RECORDS FOR THE EXERCISE:
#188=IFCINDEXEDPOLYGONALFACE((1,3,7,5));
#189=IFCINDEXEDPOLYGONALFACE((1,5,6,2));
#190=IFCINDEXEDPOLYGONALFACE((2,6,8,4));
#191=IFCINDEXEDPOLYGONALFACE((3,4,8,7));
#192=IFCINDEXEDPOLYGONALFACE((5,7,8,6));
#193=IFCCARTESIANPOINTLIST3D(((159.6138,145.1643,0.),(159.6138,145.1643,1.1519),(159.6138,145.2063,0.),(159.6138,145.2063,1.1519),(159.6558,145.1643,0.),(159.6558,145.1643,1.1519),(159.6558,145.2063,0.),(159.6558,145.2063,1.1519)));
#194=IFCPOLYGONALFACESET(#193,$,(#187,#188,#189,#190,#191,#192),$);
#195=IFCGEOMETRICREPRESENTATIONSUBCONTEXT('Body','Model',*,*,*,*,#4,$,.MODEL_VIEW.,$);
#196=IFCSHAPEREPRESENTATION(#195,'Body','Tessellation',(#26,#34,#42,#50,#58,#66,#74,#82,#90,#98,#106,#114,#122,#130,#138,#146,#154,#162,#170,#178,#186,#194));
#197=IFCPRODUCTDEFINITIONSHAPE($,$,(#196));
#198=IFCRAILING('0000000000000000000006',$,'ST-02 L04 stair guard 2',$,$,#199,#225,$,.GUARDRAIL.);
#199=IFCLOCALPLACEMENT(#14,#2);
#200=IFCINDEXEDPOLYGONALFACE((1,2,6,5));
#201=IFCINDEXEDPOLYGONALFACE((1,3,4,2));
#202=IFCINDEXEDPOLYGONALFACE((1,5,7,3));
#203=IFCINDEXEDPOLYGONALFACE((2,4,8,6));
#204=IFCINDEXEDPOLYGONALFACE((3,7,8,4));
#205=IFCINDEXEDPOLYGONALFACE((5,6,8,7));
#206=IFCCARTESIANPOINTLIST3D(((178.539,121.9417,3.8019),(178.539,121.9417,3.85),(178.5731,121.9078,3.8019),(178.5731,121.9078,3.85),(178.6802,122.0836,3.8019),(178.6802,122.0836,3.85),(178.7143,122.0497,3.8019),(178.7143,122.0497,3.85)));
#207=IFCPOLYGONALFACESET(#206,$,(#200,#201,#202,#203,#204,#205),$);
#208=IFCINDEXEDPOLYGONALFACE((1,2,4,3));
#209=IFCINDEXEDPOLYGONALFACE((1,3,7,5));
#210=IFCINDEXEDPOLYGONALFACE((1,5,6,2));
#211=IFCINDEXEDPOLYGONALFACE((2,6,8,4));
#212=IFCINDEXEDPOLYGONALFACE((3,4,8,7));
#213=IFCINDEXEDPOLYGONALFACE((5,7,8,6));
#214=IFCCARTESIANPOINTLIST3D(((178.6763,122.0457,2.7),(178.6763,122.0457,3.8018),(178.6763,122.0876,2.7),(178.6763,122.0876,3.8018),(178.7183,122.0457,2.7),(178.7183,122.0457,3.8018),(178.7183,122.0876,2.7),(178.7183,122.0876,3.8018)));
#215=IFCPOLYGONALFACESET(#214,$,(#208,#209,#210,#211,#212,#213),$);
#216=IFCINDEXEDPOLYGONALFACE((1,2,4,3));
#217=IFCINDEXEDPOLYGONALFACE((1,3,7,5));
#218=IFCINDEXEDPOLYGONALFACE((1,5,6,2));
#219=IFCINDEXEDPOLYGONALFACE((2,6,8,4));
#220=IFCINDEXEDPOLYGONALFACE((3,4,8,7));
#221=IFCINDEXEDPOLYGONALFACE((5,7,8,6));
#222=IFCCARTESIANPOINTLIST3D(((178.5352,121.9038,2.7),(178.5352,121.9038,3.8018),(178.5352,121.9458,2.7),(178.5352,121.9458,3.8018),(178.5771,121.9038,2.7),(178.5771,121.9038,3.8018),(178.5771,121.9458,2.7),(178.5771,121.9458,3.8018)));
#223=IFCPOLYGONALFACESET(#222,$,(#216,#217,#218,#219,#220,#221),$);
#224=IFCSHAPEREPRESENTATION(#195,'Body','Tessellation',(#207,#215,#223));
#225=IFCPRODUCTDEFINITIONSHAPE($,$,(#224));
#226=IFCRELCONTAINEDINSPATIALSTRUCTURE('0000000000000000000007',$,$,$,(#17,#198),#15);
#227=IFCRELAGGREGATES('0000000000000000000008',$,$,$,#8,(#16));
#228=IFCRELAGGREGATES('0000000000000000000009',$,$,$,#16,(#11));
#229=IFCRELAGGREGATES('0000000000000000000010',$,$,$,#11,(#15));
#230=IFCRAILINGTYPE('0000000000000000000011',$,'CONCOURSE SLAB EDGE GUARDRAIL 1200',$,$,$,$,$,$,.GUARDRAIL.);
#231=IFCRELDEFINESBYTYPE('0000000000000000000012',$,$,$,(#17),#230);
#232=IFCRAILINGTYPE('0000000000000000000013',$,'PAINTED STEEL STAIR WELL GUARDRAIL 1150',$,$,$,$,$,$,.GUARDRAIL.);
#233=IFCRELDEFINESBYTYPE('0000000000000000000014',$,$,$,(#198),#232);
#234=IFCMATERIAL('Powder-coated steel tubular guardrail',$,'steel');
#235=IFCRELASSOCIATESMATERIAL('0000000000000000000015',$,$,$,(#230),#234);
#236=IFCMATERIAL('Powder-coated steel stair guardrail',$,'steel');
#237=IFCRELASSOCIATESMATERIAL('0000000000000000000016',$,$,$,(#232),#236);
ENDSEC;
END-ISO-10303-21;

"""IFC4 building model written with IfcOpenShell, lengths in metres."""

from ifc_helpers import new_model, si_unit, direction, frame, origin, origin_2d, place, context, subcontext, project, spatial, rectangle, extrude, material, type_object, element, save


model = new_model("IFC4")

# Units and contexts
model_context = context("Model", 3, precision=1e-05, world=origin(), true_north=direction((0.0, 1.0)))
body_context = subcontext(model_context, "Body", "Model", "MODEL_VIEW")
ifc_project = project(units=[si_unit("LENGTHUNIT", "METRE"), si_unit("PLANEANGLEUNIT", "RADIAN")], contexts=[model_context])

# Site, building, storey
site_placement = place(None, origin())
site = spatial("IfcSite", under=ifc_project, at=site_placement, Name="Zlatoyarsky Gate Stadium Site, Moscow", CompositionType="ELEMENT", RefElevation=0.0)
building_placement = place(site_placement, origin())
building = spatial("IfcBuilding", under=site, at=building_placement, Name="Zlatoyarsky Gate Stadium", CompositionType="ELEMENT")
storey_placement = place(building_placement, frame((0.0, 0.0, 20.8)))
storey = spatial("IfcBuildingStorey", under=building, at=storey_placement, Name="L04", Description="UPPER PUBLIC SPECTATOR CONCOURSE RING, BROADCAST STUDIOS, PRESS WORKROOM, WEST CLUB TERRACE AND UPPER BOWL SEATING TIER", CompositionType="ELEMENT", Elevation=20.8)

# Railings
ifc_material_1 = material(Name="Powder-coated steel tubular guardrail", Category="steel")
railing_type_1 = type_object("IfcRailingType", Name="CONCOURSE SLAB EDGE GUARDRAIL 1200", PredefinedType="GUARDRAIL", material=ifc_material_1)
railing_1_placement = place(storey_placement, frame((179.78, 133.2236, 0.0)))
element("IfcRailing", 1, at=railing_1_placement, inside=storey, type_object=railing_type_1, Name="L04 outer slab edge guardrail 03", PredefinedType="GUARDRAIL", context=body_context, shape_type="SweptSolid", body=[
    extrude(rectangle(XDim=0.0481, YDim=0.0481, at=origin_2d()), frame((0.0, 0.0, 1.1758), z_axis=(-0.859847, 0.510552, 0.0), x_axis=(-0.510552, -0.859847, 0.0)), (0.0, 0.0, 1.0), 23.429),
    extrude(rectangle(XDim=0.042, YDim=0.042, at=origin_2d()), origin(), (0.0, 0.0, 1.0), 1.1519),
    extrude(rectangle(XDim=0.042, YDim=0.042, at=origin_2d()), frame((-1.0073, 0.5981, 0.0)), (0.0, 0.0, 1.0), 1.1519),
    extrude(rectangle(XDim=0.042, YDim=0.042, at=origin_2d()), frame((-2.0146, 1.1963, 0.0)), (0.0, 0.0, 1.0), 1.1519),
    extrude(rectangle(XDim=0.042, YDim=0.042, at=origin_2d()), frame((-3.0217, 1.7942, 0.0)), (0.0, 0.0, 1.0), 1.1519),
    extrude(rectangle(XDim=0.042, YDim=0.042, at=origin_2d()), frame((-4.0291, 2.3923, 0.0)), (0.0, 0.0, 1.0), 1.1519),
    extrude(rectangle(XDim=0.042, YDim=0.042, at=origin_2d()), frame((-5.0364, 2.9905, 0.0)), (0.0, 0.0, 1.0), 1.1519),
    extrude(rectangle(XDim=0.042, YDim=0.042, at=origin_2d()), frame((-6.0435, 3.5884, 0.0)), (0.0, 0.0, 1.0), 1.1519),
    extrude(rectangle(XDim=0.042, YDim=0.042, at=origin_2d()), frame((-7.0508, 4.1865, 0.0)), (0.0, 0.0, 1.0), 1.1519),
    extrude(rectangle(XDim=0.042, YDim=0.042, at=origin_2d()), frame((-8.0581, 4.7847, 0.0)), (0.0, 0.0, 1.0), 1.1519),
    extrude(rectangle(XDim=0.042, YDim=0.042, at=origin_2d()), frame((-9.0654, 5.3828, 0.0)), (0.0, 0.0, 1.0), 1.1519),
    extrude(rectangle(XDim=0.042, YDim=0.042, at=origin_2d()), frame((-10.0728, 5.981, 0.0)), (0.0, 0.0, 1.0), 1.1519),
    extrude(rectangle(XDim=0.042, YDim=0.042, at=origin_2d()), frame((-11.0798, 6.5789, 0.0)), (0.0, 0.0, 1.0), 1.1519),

EXERCISE DETAILS: Wherever the string "contexts" is found in the entries, copy the line it sits in.

ANSWER AREA:
# Units and contexts
ifc_project = project(units=[si_unit("LENGTHUNIT", "METRE"), si_unit("PLANEANGLEUNIT", "RADIAN")], contexts=[model_context])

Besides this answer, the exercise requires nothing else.